▶ _TASK DESCRIPTION_
Word for word, please restate the lines from the beginning of the data through the line in which "#107=IFCINDEXEDPOLYGONALFACE((39,40,56,55));" appears.

Collected data
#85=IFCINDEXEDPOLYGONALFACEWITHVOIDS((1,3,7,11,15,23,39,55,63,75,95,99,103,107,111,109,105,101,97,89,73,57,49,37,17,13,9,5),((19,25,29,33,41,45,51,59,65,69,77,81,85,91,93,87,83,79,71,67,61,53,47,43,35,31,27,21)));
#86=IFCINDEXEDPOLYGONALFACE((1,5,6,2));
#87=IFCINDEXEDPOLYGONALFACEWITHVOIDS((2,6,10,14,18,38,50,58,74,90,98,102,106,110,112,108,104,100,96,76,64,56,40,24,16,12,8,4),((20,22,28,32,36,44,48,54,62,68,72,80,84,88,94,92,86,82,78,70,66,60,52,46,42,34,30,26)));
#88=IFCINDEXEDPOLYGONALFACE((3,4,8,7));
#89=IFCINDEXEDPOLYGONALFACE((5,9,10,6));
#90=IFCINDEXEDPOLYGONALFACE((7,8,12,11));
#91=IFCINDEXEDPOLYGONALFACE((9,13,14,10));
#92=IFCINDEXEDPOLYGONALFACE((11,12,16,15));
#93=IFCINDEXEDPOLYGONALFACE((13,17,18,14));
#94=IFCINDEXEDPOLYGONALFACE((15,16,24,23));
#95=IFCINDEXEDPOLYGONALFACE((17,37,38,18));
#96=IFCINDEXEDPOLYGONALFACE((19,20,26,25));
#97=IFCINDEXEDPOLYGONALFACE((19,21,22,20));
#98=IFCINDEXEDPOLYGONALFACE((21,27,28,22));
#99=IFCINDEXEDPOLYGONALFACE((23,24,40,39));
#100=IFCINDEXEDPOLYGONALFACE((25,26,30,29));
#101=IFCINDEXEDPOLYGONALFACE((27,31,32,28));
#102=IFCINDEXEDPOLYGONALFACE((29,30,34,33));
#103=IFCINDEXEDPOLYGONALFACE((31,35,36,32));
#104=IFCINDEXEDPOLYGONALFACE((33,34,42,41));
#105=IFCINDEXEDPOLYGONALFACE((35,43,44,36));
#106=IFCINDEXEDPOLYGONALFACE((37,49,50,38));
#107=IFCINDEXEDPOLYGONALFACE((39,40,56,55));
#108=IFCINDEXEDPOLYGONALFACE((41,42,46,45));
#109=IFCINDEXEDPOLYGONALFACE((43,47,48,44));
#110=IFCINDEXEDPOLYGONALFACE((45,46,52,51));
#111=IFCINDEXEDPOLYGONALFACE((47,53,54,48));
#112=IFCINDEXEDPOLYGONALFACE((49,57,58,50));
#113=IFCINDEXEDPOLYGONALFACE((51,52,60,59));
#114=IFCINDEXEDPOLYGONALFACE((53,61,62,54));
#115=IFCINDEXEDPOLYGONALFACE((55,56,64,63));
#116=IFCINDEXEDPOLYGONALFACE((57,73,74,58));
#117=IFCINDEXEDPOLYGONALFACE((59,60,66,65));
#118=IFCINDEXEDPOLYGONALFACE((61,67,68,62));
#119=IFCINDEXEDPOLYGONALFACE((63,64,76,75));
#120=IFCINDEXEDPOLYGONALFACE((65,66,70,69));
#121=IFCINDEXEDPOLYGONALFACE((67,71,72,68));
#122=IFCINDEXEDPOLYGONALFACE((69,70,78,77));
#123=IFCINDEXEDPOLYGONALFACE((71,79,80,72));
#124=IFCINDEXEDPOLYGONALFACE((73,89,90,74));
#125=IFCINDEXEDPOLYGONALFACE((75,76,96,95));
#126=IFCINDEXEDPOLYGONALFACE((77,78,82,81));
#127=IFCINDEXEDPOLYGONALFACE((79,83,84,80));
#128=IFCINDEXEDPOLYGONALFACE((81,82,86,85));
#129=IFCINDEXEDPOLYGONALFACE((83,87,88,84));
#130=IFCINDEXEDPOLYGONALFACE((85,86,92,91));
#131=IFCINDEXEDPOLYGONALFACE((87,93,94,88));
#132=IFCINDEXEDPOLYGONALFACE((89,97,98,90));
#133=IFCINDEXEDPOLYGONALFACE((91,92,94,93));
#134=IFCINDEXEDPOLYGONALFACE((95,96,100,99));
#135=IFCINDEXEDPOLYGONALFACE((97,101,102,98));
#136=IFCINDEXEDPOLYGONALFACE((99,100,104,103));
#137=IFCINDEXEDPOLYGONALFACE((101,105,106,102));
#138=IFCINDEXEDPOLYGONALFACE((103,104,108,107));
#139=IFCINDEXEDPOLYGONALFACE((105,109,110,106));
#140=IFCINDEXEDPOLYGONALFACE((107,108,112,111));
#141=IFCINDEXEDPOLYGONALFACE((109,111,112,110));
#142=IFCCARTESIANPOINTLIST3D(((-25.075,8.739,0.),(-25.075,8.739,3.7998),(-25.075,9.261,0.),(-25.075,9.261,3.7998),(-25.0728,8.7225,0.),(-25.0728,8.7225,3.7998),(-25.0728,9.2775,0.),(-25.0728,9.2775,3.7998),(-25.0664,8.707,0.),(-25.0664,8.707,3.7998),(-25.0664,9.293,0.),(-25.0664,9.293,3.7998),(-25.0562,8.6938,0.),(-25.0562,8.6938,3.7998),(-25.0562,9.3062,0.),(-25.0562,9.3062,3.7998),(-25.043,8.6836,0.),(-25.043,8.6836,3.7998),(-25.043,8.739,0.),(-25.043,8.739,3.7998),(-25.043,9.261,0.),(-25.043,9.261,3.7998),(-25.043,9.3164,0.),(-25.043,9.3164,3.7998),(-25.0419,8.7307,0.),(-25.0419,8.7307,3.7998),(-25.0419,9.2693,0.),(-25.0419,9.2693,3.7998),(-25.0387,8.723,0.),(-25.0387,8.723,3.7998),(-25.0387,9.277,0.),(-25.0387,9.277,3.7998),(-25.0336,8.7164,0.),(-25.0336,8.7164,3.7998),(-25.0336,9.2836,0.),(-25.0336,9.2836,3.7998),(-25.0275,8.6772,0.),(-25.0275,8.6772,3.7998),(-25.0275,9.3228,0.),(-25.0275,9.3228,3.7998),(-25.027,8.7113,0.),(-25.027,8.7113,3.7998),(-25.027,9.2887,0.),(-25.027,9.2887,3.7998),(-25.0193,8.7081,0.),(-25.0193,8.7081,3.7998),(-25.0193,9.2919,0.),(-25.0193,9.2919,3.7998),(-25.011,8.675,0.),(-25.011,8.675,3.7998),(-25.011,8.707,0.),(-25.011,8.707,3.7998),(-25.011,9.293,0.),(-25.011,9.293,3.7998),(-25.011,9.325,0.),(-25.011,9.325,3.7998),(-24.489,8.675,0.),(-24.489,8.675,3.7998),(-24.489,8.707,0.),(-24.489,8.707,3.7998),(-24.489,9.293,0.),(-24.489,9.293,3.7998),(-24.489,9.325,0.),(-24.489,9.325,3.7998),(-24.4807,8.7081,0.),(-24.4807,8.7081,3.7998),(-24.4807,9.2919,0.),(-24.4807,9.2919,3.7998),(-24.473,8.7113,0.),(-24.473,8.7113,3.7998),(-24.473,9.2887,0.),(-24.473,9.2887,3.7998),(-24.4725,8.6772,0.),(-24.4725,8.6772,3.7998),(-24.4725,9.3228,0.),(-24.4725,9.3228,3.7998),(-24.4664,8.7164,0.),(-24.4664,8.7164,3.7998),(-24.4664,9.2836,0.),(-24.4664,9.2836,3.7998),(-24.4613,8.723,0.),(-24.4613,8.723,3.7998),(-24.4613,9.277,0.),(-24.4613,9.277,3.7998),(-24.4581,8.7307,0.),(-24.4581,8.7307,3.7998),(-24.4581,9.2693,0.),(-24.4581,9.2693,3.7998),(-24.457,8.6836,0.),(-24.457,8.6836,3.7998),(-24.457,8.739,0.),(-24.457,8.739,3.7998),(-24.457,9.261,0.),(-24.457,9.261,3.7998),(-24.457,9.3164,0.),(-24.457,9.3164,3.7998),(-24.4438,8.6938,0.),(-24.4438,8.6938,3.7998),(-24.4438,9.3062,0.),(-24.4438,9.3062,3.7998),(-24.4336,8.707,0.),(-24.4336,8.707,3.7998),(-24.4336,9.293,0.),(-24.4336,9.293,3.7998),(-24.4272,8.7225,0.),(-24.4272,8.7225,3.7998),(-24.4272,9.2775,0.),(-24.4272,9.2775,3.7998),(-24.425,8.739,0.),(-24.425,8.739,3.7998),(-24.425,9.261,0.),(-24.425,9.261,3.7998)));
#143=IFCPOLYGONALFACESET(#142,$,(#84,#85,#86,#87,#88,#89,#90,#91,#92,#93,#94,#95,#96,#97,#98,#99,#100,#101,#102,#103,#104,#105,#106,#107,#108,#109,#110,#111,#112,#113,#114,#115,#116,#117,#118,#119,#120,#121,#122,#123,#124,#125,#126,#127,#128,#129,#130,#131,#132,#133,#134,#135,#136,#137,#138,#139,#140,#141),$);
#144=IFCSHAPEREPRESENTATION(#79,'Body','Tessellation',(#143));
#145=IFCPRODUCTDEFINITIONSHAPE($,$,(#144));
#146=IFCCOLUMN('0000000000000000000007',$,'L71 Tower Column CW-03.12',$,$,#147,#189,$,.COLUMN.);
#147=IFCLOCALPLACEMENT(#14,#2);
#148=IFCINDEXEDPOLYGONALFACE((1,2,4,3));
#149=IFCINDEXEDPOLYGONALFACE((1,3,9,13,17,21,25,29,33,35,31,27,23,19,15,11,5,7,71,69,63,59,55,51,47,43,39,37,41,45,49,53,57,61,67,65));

▶ _TASK RESULT_
#85=IFCINDEXEDPOLYGONALFACEWITHVOIDS((1,3,7,11,15,23,39,55,63,75,95,99,103,107,111,109,105,101,97,89,73,57,49,37,17,13,9,5),((19,25,29,33,41,45,51,59,65,69,77,81,85,91,93,87,83,79,71,67,61,53,47,43,35,31,27,21)));
#86=IFCINDEXEDPOLYGONALFACE((1,5,6,2));
#87=IFCINDEXEDPOLYGONALFACEWITHVOIDS((2,6,10,14,18,38,50,58,74,90,98,102,106,110,112,108,104,100,96,76,64,56,40,24,16,12,8,4),((20,22,28,32,36,44,48,54,62,68,72,80,84,88,94,92,86,82,78,70,66,60,52,46,42,34,30,26)));
#88=IFCINDEXEDPOLYGONALFACE((3,4,8,7));
#89=IFCINDEXEDPOLYGONALFACE((5,9,10,6));
#90=IFCINDEXEDPOLYGONALFACE((7,8,12,11));
#91=IFCINDEXEDPOLYGONALFACE((9,13,14,10));
#92=IFCINDEXEDPOLYGONALFACE((11,12,16,15));
#93=IFCINDEXEDPOLYGONALFACE((13,17,18,14));
#94=IFCINDEXEDPOLYGONALFACE((15,16,24,23));
#95=IFCINDEXEDPOLYGONALFACE((17,37,38,18));
#96=IFCINDEXEDPOLYGONALFACE((19,20,26,25));
#97=IFCINDEXEDPOLYGONALFACE((19,21,22,20));
#98=IFCINDEXEDPOLYGONALFACE((21,27,28,22));
#99=IFCINDEXEDPOLYGONALFACE((23,24,40,39));
#100=IFCINDEXEDPOLYGONALFACE((25,26,30,29));
#101=IFCINDEXEDPOLYGONALFACE((27,31,32,28));
#102=IFCINDEXEDPOLYGONALFACE((29,30,34,33));
#103=IFCINDEXEDPOLYGONALFACE((31,35,36,32));
#104=IFCINDEXEDPOLYGONALFACE((33,34,42,41));
#105=IFCINDEXEDPOLYGONALFACE((35,43,44,36));
#106=IFCINDEXEDPOLYGONALFACE((37,49,50,38));
#107=IFCINDEXEDPOLYGONALFACE((39,40,56,55));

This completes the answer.